## Excerpts from a dataset
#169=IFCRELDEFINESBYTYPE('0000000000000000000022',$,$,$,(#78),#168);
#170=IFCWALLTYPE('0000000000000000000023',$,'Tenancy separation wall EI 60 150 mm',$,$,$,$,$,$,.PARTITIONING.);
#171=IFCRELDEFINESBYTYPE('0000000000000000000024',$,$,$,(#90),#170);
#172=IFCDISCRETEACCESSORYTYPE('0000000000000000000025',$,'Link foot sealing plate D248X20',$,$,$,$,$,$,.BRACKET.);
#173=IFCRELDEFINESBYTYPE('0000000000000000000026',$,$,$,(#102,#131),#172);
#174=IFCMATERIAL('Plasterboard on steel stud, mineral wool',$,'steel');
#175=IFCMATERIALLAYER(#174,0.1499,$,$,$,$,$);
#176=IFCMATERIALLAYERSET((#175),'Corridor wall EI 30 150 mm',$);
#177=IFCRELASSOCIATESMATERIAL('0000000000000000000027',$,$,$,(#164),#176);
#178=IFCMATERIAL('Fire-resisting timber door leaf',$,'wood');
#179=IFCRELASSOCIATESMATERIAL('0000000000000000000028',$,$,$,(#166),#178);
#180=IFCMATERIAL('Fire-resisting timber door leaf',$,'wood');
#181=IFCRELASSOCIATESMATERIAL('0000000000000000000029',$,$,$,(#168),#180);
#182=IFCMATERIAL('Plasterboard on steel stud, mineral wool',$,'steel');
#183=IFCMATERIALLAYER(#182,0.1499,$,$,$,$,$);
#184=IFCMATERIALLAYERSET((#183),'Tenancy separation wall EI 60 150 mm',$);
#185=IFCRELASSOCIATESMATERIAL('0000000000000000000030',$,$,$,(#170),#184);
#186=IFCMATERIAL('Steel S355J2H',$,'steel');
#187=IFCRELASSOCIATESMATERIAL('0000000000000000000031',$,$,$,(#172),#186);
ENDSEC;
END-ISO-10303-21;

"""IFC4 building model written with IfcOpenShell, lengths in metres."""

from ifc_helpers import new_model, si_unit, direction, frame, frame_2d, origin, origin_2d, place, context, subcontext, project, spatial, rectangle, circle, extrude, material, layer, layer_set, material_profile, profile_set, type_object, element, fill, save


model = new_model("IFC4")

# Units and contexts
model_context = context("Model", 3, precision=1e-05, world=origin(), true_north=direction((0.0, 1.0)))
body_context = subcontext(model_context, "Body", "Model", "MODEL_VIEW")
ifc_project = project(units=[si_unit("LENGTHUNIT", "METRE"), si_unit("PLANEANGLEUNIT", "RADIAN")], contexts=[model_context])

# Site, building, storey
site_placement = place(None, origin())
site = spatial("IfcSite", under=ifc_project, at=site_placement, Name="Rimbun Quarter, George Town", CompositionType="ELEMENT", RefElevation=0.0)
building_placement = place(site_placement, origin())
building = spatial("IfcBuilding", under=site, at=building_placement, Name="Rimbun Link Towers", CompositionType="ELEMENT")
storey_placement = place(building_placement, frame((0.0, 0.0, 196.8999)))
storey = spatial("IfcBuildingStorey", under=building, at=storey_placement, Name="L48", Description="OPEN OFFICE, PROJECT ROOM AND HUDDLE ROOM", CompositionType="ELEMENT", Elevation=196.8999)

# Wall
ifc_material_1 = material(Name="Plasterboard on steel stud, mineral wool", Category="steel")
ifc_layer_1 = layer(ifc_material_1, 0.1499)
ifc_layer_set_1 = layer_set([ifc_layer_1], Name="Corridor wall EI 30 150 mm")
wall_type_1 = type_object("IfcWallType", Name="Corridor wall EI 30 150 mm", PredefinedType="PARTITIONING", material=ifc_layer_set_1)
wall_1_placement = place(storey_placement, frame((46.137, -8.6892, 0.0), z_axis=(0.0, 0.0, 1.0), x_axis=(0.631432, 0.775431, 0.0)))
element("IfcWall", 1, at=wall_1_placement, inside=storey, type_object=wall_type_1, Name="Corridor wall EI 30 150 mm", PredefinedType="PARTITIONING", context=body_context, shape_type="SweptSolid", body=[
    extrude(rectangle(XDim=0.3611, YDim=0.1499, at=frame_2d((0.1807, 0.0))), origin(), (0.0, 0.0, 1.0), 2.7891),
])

## Instructions to follow
Report how many lines in the data above contain "origin", without any other words.

## Written answer
5